Of all the lines in the entries below, give again exactly those starting at the line containing "#155=IFCINDEXEDPOLYGONALFACE((2,6,8,4));" and ending at the line containing "#157=IFCINDEXEDPOLYGONALFACE((5,7,8,6));", both ends included, and no others.
════════════════
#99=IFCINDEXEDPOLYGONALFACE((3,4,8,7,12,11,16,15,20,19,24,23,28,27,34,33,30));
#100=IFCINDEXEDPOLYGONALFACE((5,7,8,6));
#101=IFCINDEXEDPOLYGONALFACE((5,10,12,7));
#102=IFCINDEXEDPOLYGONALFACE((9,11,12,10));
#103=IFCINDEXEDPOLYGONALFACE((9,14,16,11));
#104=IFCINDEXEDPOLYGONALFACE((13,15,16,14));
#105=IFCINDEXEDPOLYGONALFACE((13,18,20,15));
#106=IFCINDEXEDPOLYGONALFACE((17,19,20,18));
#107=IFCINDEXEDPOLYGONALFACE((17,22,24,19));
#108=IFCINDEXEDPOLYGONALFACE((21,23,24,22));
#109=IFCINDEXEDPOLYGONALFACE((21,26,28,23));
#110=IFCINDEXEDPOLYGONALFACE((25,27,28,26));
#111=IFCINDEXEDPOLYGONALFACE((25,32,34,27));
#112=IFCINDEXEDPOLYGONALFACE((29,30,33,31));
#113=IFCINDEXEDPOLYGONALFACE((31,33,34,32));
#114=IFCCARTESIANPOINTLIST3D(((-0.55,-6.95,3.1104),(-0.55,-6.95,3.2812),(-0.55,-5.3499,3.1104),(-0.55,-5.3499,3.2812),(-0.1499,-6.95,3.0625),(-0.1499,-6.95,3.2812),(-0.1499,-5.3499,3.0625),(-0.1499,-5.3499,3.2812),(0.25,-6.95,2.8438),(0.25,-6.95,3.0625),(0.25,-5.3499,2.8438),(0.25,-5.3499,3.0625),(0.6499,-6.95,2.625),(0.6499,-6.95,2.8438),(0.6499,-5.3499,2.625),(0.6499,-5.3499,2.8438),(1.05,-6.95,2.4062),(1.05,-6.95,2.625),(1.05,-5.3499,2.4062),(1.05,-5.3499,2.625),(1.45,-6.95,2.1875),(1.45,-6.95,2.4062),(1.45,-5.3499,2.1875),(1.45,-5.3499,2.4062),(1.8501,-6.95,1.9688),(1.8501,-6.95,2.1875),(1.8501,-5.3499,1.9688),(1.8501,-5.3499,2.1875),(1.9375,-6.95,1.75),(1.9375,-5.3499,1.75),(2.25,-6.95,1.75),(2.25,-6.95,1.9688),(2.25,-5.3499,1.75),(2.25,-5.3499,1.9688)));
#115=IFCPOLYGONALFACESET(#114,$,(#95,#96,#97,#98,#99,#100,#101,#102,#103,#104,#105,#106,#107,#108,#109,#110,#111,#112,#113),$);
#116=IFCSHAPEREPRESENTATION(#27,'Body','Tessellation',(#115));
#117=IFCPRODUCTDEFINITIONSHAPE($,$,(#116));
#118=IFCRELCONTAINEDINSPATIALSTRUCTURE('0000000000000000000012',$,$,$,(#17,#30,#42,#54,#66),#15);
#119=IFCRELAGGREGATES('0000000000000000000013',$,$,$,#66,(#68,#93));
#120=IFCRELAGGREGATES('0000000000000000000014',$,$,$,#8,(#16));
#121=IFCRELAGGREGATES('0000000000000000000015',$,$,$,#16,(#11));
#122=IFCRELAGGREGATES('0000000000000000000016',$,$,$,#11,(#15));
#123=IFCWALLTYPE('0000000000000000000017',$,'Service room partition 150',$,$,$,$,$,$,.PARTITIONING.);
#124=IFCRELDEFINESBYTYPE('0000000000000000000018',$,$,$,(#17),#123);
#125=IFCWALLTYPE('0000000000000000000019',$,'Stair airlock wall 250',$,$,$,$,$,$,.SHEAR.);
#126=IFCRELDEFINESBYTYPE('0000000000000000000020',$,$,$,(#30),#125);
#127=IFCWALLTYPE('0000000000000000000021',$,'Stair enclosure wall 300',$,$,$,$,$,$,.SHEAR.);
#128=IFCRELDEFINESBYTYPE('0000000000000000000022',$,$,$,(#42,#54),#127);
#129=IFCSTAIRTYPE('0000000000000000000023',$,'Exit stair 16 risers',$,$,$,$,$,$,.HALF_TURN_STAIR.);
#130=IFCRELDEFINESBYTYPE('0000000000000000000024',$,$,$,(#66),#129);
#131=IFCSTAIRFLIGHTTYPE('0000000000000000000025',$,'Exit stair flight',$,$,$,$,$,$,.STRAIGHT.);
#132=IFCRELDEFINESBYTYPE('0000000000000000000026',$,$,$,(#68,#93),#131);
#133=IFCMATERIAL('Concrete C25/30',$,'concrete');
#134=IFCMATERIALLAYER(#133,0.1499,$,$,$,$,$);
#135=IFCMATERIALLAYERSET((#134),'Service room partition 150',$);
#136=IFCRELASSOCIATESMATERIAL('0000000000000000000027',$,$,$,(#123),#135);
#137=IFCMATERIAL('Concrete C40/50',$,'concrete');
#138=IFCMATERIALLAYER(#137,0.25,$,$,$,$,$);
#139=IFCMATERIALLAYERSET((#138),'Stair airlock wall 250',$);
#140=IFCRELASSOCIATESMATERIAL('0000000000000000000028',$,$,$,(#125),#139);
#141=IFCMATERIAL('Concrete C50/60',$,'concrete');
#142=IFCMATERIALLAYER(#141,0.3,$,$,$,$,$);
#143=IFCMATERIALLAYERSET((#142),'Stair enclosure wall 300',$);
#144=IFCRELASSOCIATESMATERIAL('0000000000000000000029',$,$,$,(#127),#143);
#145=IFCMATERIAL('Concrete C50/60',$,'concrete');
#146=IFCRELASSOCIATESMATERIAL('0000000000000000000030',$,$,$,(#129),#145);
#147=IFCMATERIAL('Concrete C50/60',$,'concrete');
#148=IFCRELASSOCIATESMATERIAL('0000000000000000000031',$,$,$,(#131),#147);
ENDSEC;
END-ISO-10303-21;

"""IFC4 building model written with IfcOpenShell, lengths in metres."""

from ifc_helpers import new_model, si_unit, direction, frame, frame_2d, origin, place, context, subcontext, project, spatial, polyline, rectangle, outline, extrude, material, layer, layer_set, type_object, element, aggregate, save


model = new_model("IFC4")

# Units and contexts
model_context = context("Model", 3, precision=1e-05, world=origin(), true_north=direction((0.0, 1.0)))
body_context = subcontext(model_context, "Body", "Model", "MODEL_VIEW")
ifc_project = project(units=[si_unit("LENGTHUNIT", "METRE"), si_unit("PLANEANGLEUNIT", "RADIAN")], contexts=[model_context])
════════════════
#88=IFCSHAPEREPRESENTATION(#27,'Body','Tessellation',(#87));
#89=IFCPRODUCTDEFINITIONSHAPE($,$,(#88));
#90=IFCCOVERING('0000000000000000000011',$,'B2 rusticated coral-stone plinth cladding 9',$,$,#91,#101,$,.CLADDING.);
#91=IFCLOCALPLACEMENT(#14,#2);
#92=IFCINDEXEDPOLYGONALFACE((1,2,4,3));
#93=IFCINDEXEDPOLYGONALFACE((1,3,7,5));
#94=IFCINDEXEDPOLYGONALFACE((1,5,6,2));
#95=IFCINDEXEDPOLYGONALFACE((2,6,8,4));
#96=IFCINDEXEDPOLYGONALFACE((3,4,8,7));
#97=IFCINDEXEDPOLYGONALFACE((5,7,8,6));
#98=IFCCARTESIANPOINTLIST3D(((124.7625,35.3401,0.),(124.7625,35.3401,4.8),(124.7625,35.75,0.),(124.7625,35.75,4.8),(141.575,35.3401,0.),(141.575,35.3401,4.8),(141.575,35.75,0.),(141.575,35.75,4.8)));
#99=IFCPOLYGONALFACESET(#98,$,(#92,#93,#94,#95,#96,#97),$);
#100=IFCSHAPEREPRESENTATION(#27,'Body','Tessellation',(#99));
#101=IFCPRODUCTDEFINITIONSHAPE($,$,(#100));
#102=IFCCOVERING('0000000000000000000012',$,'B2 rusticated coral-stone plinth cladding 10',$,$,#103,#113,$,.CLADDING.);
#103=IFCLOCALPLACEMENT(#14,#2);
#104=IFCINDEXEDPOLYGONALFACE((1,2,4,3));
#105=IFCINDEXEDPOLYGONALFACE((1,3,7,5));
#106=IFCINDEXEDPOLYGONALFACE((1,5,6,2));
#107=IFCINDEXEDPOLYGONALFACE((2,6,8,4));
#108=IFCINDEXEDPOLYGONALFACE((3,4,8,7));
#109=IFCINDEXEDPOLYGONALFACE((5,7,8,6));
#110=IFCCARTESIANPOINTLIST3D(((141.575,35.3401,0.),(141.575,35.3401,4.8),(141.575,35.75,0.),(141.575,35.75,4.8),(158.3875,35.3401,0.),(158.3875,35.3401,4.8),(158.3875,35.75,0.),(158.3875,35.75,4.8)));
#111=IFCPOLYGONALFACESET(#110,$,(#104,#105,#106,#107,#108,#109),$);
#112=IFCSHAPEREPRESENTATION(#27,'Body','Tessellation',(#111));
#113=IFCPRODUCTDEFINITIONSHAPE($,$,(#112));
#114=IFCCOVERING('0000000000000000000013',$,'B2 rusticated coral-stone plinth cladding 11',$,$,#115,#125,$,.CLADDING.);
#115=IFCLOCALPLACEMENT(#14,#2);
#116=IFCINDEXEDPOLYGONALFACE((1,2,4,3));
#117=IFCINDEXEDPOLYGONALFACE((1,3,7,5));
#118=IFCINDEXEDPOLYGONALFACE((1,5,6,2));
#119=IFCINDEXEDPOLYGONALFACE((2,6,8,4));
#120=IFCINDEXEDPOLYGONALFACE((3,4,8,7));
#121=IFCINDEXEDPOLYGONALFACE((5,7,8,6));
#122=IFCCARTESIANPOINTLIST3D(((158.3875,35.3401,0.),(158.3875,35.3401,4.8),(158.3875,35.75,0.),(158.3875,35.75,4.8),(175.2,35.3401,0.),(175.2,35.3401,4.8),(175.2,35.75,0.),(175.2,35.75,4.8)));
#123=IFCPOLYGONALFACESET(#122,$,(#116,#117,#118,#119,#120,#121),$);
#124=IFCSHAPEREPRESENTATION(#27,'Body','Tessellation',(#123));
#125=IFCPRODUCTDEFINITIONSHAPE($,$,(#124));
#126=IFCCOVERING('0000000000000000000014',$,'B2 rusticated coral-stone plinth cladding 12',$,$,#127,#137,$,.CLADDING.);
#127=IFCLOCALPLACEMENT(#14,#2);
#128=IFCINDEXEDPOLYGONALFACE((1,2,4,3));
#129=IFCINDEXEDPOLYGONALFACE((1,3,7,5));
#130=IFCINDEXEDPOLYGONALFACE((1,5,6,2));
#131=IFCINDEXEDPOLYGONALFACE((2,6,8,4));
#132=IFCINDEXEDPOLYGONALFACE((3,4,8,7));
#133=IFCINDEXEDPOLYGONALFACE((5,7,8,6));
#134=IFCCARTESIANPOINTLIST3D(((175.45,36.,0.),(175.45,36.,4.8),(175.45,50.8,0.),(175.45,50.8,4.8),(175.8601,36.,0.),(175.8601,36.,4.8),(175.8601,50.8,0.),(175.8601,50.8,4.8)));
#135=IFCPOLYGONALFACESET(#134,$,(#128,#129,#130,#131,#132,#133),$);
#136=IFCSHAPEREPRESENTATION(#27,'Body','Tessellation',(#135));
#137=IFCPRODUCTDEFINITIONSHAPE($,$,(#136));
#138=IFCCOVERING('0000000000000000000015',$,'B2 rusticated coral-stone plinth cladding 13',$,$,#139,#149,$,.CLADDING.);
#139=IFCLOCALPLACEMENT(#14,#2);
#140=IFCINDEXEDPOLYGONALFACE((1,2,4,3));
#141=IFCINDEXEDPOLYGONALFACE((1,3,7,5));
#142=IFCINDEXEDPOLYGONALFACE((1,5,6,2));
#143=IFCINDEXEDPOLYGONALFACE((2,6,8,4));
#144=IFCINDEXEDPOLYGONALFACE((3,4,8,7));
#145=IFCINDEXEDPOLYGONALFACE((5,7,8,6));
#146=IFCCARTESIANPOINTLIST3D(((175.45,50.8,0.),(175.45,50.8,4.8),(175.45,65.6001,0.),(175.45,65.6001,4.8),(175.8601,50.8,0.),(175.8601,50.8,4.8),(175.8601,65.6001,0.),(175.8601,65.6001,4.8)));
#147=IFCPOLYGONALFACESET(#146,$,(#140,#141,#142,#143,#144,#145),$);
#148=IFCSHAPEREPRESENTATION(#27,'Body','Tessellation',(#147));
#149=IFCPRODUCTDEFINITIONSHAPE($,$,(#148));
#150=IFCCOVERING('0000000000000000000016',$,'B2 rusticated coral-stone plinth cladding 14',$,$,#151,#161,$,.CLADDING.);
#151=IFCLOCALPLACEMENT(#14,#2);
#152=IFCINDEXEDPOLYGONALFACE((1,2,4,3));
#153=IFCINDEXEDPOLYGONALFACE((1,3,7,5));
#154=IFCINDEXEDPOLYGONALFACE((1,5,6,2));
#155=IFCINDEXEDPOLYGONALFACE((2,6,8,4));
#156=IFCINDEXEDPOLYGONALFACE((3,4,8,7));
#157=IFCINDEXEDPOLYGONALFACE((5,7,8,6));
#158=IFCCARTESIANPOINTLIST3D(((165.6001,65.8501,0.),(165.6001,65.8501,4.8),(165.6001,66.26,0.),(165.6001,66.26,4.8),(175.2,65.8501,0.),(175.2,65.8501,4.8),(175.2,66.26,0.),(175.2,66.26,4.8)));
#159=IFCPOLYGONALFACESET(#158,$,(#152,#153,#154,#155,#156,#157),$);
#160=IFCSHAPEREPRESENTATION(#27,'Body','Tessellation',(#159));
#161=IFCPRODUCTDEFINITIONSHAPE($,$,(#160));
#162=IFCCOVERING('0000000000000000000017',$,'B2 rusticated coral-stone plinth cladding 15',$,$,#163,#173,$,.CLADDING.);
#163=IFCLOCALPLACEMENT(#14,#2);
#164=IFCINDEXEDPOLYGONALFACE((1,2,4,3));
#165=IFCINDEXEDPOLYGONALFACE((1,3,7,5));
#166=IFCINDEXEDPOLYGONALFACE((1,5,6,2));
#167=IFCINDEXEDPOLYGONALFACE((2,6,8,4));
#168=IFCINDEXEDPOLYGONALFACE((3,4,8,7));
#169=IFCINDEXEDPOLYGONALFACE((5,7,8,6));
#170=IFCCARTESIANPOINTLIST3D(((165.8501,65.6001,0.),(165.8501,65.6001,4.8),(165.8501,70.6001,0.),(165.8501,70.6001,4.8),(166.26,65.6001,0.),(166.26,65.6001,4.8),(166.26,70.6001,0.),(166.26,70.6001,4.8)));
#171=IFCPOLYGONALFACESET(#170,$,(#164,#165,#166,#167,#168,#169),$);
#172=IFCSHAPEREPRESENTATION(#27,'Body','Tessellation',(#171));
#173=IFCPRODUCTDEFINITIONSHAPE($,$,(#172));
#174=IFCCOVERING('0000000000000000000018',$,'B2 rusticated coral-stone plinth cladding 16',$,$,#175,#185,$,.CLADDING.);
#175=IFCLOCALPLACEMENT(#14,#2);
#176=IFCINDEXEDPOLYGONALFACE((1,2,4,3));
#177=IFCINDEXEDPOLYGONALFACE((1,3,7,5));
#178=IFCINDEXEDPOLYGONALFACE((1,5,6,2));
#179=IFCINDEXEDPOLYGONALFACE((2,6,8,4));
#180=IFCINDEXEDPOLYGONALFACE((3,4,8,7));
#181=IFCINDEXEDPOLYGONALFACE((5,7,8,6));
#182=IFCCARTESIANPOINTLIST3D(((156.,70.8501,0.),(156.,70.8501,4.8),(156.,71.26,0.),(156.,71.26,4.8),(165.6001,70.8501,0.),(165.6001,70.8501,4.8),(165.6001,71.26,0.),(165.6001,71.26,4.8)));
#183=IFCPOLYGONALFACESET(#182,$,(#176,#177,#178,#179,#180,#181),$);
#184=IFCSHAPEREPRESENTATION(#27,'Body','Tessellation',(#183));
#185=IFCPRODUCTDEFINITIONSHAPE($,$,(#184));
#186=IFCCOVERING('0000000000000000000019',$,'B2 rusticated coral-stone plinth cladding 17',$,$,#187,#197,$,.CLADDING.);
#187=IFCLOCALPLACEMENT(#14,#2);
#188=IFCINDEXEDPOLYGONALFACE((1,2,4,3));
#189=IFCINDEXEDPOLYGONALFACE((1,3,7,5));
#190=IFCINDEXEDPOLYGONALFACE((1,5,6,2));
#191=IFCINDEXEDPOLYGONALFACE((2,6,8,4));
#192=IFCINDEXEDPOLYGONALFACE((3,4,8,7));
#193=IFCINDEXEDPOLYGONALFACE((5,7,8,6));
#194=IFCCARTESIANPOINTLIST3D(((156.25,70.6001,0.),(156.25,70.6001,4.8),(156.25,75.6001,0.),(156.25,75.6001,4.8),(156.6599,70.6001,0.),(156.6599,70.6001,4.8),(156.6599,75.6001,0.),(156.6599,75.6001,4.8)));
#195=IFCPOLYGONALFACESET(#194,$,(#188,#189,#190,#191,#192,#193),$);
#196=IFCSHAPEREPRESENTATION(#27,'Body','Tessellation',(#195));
════════════════
● **EXERCISE OUTPUT**
#155=IFCINDEXEDPOLYGONALFACE((2,6,8,4));
#156=IFCINDEXEDPOLYGONALFACE((3,4,8,7));
#157=IFCINDEXEDPOLYGONALFACE((5,7,8,6));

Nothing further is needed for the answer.